## WHAT THE TASK ASKS:
The expected output is exactly the lines below, starting at the line with "#115=IFCPRODUCTDEFINITIONSHAPE($,$,(#114));" and ending at the line with "#120=IFCINDEXEDPOLYGONALFACE((1,5,6,2));", both included; no other line belongs in it.

## Stored data:

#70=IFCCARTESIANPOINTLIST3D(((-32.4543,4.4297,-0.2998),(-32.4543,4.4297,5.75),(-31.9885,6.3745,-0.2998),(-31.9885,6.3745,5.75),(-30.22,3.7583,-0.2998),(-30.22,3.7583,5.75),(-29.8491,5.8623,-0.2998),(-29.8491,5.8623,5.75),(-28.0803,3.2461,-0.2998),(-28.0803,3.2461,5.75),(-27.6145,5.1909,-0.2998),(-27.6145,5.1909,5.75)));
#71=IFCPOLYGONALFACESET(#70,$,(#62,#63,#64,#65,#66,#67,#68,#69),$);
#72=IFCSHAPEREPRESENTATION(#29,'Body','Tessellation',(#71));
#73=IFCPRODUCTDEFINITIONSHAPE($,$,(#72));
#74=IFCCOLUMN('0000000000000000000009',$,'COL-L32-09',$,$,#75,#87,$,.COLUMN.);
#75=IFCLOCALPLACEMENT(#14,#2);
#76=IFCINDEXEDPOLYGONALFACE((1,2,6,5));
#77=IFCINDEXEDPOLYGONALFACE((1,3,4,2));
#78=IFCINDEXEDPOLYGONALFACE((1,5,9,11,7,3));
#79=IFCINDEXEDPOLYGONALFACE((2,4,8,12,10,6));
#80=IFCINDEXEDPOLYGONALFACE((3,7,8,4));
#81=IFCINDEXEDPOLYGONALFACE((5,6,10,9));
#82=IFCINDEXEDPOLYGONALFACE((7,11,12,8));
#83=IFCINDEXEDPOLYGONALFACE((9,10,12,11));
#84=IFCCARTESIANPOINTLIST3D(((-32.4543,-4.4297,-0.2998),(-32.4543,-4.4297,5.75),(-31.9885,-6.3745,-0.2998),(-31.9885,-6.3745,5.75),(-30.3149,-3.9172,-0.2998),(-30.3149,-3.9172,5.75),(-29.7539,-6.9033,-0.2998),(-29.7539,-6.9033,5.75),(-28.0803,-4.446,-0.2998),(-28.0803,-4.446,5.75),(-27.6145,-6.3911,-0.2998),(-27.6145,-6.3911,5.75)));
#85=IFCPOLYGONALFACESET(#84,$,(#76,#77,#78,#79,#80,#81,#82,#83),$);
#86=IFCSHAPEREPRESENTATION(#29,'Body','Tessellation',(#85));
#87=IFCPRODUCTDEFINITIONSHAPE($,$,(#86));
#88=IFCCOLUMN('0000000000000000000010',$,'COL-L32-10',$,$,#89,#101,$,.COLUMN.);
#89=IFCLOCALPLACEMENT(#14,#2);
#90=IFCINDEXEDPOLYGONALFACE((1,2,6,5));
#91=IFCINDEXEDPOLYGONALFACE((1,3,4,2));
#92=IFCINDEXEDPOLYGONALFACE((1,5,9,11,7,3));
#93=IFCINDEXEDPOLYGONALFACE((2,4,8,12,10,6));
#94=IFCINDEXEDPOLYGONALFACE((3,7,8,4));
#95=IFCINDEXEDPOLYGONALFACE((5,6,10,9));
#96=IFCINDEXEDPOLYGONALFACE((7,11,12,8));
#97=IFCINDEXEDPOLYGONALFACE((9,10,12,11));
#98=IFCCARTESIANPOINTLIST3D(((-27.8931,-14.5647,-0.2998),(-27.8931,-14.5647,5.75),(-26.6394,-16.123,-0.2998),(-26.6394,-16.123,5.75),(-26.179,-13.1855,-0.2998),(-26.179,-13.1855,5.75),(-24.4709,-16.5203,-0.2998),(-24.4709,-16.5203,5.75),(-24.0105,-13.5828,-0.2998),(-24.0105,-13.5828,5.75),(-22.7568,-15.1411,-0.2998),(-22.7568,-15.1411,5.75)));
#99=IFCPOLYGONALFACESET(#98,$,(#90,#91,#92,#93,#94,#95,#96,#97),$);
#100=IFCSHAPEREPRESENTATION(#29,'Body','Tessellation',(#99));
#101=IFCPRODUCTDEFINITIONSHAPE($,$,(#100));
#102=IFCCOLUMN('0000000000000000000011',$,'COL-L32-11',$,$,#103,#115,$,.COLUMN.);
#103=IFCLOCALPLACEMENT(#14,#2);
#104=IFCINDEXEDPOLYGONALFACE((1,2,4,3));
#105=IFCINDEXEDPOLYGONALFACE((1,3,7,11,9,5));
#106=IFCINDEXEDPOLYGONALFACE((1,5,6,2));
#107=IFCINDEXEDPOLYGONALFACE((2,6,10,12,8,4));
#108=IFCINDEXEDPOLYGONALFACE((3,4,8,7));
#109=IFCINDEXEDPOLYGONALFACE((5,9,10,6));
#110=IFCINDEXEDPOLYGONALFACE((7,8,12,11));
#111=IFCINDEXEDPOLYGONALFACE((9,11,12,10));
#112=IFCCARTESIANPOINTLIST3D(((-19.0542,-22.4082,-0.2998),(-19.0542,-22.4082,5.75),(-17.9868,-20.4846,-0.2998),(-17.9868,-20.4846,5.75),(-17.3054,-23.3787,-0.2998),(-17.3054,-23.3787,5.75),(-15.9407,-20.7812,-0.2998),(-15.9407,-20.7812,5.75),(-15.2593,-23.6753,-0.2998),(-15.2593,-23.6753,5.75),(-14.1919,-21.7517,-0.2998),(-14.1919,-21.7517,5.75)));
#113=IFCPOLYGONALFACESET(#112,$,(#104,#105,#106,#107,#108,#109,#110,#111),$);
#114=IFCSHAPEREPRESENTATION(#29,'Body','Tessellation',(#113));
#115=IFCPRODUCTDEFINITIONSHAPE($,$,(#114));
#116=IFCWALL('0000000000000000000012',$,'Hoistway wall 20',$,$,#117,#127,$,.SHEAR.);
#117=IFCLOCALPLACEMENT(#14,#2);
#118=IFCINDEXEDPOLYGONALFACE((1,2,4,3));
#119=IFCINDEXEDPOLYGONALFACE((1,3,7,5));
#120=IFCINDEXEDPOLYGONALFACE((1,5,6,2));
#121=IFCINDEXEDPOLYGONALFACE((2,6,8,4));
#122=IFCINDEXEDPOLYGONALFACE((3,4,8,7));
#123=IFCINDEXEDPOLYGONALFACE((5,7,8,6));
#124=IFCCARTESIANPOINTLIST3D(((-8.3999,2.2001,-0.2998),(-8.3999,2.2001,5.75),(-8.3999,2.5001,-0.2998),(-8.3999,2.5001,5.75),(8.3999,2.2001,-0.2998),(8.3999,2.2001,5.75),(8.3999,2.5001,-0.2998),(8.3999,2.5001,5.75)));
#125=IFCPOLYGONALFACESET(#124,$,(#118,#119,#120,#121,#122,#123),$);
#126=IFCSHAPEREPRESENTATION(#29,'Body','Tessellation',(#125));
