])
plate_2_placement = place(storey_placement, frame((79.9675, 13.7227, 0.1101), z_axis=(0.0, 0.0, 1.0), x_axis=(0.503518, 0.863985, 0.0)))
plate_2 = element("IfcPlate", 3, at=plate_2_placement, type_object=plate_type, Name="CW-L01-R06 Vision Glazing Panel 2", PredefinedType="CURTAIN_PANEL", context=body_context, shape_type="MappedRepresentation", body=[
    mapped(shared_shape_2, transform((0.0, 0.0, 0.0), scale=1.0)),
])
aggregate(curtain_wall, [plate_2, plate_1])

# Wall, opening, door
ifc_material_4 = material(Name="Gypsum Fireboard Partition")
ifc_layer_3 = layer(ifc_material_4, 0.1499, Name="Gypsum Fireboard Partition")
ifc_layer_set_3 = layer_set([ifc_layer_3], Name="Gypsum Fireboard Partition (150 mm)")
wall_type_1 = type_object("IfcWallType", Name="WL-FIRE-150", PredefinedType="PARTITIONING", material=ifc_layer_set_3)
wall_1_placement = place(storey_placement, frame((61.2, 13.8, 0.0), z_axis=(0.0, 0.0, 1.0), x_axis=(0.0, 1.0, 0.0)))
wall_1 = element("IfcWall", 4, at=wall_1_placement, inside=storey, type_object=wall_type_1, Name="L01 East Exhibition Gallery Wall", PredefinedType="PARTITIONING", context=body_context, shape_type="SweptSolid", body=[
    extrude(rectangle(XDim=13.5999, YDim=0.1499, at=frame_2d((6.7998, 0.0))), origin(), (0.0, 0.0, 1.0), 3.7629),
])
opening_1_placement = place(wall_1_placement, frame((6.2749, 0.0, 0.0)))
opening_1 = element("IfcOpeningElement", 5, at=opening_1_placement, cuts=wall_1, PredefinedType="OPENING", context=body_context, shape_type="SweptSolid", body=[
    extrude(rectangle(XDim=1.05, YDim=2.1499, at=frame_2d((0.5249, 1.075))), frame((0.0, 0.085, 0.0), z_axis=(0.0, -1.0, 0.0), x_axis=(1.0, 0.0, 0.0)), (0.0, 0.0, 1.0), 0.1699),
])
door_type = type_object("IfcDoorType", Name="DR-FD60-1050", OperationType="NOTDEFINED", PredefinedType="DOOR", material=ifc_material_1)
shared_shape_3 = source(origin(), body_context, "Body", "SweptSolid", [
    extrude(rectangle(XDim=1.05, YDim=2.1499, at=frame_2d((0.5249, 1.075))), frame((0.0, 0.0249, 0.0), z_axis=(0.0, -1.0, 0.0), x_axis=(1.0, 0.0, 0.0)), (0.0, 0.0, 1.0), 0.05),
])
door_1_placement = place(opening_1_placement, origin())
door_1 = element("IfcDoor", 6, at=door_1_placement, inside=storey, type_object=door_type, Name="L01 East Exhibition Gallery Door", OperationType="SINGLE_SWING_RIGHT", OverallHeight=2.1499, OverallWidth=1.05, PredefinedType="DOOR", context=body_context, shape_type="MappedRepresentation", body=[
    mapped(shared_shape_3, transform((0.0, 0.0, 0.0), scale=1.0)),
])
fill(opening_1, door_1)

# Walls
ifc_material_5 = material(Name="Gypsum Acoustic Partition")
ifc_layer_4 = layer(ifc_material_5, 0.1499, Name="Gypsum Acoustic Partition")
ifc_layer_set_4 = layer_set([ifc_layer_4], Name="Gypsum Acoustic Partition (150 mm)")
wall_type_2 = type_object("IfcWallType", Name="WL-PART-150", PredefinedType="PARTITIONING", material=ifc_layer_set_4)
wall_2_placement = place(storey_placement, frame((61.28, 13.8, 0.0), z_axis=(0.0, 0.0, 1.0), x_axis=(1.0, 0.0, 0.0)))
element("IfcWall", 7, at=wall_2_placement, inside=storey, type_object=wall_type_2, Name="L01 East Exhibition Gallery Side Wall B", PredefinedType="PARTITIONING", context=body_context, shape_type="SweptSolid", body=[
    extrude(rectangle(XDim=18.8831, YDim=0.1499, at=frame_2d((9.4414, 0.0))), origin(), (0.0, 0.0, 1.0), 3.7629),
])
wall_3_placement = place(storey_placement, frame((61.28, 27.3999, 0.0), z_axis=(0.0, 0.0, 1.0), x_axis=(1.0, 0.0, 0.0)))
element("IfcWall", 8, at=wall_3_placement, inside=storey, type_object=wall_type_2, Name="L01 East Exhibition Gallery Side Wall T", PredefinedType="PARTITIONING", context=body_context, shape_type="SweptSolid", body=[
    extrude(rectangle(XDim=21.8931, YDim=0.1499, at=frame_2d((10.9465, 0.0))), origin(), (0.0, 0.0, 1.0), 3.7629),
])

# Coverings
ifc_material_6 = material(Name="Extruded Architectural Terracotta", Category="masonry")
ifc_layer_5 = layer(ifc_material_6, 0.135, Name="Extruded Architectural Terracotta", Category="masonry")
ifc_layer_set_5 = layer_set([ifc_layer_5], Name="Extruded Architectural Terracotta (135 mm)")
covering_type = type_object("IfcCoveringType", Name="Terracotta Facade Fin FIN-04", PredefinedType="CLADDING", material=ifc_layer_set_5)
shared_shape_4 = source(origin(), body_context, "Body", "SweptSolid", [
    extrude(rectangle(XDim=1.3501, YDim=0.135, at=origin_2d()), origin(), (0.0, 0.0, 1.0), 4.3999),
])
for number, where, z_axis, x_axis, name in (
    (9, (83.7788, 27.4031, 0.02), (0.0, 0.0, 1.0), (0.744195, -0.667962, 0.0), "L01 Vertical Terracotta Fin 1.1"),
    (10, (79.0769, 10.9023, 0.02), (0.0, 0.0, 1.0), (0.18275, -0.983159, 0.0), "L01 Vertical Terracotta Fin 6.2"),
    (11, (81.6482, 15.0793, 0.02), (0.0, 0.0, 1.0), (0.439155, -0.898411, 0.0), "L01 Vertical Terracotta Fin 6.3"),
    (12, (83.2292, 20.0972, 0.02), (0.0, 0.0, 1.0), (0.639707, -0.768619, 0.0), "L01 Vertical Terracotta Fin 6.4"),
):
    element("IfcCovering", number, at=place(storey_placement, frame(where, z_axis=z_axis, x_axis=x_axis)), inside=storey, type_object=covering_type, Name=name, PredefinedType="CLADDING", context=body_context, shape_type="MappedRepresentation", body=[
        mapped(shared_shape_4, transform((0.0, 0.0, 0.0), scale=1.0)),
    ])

## RESULT BELOW:
#115=IFCPRODUCTDEFINITIONSHAPE($,$,(#114));
#116=IFCWALL('0000000000000000000012',$,'Hoistway wall 20',$,$,#117,#127,$,.SHEAR.);
#117=IFCLOCALPLACEMENT(#14,#2);
#118=IFCINDEXEDPOLYGONALFACE((1,2,4,3));
#119=IFCINDEXEDPOLYGONALFACE((1,3,7,5));
#120=IFCINDEXEDPOLYGONALFACE((1,5,6,2));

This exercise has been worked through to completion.